### What the task asks
Output the line that contains "#136=IFCMATERIALLAYER(#135,0.075,$,$,$,$,$);" and every line after it to the end of the entries, with nothing added or left out.

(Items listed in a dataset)
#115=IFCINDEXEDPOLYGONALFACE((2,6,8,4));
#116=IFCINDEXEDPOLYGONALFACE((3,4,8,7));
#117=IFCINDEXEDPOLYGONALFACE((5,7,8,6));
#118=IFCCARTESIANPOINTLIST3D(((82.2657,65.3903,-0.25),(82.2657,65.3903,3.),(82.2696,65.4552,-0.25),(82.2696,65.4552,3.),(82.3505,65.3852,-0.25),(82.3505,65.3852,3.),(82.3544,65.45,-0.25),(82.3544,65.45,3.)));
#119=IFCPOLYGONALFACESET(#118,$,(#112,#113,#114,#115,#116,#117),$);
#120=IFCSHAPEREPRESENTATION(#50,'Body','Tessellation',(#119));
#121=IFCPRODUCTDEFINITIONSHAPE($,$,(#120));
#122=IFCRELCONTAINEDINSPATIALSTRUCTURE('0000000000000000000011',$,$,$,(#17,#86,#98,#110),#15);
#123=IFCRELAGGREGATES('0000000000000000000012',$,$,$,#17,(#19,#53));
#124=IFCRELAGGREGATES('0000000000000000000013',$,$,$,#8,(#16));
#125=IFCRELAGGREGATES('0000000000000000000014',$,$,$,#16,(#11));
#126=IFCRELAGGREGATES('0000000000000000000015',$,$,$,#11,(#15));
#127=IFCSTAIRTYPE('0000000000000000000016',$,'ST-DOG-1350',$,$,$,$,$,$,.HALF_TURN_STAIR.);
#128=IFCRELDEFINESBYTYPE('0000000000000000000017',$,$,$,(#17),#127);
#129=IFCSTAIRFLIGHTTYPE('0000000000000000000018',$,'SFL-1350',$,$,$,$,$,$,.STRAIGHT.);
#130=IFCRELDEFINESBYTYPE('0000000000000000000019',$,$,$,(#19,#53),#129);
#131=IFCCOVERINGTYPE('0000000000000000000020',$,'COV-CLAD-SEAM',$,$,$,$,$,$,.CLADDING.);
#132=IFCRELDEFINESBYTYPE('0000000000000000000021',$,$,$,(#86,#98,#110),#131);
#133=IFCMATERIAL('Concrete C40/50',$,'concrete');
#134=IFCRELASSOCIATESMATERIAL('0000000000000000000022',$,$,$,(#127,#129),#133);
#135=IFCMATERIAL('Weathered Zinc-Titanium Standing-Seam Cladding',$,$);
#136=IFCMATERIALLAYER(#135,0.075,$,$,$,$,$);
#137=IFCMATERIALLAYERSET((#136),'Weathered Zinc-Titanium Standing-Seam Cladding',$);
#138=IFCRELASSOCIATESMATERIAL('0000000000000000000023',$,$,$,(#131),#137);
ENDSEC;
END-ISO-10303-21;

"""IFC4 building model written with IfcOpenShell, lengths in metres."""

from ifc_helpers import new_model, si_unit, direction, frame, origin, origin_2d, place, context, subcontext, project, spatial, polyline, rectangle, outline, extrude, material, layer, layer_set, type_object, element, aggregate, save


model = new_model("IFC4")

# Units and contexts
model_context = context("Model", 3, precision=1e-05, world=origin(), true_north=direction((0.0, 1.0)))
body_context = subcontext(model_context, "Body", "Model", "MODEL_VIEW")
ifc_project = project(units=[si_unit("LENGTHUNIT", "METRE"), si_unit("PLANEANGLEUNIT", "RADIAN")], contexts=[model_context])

### Answer for this exercise
#136=IFCMATERIALLAYER(#135,0.075,$,$,$,$,$);
#137=IFCMATERIALLAYERSET((#136),'Weathered Zinc-Titanium Standing-Seam Cladding',$);
#138=IFCRELASSOCIATESMATERIAL('0000000000000000000023',$,$,$,(#131),#137);
ENDSEC;
END-ISO-10303-21;

"""IFC4 building model written with IfcOpenShell, lengths in metres."""

from ifc_helpers import new_model, si_unit, direction, frame, origin, origin_2d, place, context, subcontext, project, spatial, polyline, rectangle, outline, extrude, material, layer, layer_set, type_object, element, aggregate, save


model = new_model("IFC4")

# Units and contexts
model_context = context("Model", 3, precision=1e-05, world=origin(), true_north=direction((0.0, 1.0)))
body_context = subcontext(model_context, "Body", "Model", "MODEL_VIEW")
ifc_project = project(units=[si_unit("LENGTHUNIT", "METRE"), si_unit("PLANEANGLEUNIT", "RADIAN")], contexts=[model_context])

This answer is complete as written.